WHAT YOU SHOULD DO
Somewhere below are a line with "BEDROOM, SETBACK PENTHOUSE" and a later line with "#198=IFCMATERIAL('Fire-Rated Gypsum Stud". Output exactly those lines and all lines between them.

RECORDS FOR THIS TASK

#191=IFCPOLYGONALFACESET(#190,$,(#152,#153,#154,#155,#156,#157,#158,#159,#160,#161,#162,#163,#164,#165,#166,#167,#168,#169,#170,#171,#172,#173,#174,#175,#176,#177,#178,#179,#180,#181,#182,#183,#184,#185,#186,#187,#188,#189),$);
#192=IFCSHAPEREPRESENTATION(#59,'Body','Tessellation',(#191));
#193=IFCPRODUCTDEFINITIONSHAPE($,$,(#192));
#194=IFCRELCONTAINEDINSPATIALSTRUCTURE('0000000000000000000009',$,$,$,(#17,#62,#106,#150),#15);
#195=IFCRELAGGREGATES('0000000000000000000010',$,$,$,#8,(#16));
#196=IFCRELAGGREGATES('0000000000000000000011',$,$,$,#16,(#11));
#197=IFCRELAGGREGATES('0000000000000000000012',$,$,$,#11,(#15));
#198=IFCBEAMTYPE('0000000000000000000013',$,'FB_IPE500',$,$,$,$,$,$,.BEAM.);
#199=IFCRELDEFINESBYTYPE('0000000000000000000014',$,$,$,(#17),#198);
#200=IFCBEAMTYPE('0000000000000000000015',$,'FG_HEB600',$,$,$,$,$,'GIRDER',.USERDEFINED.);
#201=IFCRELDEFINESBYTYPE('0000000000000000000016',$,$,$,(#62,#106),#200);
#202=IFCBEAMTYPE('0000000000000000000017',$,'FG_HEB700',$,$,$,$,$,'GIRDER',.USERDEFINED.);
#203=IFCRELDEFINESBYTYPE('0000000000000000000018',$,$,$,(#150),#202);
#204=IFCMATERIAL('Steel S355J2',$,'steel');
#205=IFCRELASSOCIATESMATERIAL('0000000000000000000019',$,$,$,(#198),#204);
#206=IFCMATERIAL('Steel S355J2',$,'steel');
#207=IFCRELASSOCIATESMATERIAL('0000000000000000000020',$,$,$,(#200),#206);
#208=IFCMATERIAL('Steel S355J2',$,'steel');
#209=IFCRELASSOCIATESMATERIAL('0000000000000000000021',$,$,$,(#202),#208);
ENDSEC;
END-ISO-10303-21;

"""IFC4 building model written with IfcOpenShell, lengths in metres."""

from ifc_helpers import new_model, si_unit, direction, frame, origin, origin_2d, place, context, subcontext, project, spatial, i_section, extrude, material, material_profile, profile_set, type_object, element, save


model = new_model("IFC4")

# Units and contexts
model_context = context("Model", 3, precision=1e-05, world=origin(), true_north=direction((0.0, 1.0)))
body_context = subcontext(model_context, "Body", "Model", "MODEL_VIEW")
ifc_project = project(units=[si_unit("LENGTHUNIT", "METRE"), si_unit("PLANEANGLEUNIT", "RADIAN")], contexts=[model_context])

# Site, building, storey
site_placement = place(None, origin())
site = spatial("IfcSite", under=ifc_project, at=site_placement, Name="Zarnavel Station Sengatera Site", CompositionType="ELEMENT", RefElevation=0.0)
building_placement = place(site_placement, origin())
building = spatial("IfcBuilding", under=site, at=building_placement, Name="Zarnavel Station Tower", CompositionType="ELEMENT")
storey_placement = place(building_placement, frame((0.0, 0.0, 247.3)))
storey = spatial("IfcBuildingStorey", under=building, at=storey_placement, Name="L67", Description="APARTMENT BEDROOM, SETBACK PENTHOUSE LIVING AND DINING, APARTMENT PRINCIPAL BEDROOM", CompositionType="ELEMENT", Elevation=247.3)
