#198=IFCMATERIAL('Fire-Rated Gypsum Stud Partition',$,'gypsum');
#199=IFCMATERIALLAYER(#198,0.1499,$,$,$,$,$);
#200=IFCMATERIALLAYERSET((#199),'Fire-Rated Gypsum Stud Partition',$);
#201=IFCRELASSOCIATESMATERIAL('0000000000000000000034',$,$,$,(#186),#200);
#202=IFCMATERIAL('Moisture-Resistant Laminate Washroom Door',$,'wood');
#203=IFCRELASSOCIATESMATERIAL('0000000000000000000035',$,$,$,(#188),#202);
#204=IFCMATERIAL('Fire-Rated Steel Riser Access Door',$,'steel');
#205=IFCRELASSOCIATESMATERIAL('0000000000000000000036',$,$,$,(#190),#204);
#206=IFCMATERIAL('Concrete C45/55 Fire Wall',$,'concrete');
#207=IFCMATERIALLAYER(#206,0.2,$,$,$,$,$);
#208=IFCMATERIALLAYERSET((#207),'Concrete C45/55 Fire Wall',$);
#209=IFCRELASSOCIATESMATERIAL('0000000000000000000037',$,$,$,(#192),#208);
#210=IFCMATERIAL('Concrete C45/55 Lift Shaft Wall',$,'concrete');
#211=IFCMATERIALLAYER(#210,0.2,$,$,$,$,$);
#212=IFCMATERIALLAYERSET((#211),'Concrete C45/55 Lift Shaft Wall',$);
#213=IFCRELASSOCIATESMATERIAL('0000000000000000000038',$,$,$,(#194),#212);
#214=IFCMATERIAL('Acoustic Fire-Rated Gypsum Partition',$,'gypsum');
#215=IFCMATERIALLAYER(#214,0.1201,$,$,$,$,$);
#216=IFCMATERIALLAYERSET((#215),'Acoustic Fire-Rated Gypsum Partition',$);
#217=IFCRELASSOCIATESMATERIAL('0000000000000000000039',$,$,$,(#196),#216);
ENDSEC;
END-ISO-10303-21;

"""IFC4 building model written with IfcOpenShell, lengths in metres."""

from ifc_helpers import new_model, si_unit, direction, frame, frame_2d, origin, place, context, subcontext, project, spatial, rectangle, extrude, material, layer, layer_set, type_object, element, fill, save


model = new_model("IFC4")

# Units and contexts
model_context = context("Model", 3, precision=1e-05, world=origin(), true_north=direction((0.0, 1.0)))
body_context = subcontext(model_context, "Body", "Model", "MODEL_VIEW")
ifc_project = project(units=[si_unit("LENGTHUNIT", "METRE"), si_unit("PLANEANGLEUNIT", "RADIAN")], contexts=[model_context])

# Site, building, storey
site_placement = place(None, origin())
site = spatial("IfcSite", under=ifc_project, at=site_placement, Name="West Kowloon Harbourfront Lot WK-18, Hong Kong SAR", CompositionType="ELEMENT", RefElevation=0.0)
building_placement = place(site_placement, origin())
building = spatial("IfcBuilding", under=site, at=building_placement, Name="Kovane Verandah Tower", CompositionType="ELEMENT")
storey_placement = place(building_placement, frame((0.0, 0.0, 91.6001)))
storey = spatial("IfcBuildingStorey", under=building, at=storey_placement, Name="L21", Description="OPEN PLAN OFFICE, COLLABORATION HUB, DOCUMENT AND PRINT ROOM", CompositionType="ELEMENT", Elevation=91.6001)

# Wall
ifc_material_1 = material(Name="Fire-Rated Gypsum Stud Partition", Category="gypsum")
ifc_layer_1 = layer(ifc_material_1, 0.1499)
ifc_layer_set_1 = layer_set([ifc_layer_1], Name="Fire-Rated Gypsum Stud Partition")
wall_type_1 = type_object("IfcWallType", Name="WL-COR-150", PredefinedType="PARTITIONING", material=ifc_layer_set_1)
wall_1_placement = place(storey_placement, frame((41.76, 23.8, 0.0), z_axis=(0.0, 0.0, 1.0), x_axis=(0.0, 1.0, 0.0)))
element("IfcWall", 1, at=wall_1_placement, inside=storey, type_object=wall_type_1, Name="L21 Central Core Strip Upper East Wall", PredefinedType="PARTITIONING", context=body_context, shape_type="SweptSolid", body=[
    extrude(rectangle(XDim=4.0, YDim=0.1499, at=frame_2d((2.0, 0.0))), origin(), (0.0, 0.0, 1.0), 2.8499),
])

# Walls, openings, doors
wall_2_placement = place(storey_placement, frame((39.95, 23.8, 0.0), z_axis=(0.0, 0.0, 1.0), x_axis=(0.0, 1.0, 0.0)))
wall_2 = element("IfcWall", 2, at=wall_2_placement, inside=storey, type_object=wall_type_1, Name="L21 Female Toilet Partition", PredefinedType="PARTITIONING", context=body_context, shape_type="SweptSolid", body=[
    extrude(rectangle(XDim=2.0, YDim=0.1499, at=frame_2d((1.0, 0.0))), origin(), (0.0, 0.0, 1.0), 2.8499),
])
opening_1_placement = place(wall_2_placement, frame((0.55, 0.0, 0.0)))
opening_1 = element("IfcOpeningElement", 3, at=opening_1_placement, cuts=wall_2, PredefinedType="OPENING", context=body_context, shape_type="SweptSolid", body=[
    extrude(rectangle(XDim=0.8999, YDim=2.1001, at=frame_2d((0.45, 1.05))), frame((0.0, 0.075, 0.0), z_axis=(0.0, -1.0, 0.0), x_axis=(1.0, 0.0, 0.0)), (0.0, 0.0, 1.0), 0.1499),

TASK RESPONSE
storey = spatial("IfcBuildingStorey", under=building, at=storey_placement, Name="L67", Description="APARTMENT BEDROOM, SETBACK PENTHOUSE LIVING AND DINING, APARTMENT PRINCIPAL BEDROOM", CompositionType="ELEMENT", Elevation=247.3)
#198=IFCMATERIAL('Fire-Rated Gypsum Stud Partition',$,'gypsum');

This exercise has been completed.